*Instructions to follow*. From the data below, set down exactly the lines between the one holding "#82=IFCINDEXEDPOLYGONALFACE((21,25,26,22));" and the one holding "#91=IFCINDEXEDPOLYGONALFACE((39,40,42,41));", inclusive, and no others.

*Supplied material*.
========
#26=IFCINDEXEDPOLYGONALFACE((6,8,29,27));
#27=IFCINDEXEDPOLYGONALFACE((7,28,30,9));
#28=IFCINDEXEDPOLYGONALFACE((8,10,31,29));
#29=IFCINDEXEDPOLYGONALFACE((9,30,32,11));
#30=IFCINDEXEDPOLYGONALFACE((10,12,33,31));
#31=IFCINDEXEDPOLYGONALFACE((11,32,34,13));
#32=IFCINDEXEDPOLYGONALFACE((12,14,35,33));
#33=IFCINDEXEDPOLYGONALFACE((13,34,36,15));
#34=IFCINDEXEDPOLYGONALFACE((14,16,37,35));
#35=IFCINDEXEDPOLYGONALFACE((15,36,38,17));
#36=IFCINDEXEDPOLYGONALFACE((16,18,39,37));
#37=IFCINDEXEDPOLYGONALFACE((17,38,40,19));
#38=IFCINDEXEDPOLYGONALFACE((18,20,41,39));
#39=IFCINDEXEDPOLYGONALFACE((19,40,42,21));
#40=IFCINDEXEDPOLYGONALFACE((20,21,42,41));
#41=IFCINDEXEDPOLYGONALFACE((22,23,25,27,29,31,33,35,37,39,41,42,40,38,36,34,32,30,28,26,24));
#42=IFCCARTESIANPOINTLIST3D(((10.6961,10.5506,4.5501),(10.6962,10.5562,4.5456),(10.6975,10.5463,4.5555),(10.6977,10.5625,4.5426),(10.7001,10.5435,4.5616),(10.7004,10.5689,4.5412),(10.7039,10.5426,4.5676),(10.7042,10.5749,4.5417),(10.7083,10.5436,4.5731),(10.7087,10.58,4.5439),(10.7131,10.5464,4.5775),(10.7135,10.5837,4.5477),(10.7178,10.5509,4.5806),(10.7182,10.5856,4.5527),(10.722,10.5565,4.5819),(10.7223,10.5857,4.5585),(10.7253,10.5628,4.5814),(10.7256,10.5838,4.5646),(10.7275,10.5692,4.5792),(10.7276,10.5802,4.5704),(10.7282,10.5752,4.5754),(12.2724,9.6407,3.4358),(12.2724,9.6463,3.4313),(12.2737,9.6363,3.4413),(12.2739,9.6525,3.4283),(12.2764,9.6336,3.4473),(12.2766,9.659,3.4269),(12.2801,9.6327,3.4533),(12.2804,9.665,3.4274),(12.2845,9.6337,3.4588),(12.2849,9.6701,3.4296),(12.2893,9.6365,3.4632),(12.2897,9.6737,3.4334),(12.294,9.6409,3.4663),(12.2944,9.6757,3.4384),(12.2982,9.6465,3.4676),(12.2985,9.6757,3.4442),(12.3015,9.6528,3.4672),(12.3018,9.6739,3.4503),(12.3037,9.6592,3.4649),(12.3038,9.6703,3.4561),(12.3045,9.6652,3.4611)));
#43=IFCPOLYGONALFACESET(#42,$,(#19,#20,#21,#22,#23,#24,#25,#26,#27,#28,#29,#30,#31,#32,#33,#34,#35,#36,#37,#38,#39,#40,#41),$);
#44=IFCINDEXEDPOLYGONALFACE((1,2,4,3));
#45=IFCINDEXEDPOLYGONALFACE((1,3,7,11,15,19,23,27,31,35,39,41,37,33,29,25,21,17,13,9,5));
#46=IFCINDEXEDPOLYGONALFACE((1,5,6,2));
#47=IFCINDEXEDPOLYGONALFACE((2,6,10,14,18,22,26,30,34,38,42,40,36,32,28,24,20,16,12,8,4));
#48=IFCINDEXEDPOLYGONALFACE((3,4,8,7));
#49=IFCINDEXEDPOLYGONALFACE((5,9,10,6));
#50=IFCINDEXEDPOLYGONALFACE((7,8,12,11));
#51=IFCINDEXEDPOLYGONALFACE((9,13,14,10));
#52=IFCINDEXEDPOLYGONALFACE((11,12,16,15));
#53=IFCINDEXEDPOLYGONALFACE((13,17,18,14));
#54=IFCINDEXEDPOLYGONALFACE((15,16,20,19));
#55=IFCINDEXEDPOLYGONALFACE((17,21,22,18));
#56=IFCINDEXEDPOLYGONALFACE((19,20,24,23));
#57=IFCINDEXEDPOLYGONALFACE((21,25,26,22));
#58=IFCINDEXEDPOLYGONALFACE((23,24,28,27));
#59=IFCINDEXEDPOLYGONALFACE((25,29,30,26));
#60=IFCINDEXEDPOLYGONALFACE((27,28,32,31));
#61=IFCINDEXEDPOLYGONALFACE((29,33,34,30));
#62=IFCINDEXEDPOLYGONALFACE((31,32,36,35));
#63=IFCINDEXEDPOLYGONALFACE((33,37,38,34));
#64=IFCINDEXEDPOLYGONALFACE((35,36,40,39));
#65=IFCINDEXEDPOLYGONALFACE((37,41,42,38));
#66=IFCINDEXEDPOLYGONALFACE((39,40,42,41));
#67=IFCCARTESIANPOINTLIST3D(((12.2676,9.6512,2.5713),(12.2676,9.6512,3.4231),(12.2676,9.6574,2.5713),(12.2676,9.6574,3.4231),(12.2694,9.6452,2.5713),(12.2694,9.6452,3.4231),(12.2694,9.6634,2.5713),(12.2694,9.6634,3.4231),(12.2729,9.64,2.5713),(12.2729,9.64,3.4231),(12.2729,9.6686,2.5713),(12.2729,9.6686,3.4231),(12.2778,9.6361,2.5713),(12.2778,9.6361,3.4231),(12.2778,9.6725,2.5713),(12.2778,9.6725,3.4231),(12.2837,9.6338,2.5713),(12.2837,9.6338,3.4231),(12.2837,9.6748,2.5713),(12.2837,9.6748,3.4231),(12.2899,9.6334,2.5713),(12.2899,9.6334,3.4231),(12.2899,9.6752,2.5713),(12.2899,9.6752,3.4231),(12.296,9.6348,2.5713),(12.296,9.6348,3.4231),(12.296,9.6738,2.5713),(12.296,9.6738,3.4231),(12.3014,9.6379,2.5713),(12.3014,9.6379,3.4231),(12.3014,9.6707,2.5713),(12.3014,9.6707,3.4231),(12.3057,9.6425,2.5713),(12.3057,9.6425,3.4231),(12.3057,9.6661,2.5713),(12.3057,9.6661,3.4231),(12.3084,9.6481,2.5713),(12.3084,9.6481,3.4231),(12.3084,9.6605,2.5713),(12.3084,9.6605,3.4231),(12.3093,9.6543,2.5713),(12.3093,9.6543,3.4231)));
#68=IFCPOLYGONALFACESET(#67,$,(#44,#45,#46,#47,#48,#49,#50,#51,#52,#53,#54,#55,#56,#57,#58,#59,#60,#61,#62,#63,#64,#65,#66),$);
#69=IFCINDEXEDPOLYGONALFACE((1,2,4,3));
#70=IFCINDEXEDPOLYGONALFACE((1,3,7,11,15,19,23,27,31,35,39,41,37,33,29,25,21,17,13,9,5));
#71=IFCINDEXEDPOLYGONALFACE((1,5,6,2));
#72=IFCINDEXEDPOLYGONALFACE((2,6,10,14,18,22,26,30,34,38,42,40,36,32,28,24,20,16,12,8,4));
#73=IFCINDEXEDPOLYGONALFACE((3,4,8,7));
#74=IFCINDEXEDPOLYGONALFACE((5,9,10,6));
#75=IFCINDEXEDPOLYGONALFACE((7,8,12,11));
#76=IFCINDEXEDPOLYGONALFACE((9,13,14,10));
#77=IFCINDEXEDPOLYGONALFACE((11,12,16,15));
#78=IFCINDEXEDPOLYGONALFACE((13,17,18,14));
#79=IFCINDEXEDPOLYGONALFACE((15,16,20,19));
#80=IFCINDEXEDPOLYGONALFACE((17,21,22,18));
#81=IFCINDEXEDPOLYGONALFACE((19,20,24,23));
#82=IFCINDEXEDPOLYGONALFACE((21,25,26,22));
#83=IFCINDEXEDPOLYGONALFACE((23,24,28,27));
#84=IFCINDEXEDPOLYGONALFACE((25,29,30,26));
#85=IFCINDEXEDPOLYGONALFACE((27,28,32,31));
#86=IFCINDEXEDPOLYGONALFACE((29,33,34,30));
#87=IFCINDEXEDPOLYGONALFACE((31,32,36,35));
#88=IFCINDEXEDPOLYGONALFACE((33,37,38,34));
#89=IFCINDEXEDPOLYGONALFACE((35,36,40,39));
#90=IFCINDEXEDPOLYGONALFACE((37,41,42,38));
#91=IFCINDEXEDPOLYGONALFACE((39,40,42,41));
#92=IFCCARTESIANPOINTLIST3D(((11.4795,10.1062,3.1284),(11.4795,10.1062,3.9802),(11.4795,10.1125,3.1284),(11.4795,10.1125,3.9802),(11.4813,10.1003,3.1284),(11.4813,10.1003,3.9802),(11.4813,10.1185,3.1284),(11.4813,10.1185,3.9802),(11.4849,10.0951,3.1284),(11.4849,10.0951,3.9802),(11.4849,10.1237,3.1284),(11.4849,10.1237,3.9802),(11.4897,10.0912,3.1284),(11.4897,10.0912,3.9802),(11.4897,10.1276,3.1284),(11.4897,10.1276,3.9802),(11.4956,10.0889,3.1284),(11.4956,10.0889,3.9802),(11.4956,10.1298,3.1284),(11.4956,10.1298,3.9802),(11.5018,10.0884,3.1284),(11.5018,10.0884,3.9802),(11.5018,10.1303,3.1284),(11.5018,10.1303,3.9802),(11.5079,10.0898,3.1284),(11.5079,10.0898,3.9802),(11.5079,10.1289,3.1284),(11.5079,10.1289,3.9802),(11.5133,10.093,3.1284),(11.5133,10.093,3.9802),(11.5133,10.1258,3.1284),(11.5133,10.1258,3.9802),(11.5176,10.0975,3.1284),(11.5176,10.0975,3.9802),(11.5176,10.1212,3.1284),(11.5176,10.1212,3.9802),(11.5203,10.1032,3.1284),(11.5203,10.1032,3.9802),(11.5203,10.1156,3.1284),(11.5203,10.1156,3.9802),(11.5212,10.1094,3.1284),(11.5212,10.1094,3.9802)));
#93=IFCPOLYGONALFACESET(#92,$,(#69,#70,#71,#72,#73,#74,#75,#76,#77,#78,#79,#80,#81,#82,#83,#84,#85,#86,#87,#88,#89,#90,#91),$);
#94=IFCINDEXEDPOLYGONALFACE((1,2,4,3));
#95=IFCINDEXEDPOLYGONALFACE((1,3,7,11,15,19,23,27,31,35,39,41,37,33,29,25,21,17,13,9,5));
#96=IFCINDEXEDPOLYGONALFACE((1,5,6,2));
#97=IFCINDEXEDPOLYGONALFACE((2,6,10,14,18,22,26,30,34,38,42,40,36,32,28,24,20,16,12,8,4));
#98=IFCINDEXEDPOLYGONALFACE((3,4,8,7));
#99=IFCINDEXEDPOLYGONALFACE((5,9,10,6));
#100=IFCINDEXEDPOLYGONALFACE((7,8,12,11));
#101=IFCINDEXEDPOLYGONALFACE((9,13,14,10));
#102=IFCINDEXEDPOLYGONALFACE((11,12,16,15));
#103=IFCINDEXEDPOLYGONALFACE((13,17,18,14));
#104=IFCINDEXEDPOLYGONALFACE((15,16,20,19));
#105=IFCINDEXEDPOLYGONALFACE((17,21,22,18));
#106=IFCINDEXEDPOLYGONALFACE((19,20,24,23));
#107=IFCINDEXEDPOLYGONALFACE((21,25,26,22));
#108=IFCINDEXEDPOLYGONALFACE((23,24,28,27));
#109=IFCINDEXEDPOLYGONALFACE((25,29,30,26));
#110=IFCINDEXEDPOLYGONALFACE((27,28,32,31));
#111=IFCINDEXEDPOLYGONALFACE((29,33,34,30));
========
*Solution*.
#82=IFCINDEXEDPOLYGONALFACE((21,25,26,22));
#83=IFCINDEXEDPOLYGONALFACE((23,24,28,27));
#84=IFCINDEXEDPOLYGONALFACE((25,29,30,26));
#85=IFCINDEXEDPOLYGONALFACE((27,28,32,31));
#86=IFCINDEXEDPOLYGONALFACE((29,33,34,30));
#87=IFCINDEXEDPOLYGONALFACE((31,32,36,35));
#88=IFCINDEXEDPOLYGONALFACE((33,37,38,34));
#89=IFCINDEXEDPOLYGONALFACE((35,36,40,39));
#90=IFCINDEXEDPOLYGONALFACE((37,41,42,38));
#91=IFCINDEXEDPOLYGONALFACE((39,40,42,41));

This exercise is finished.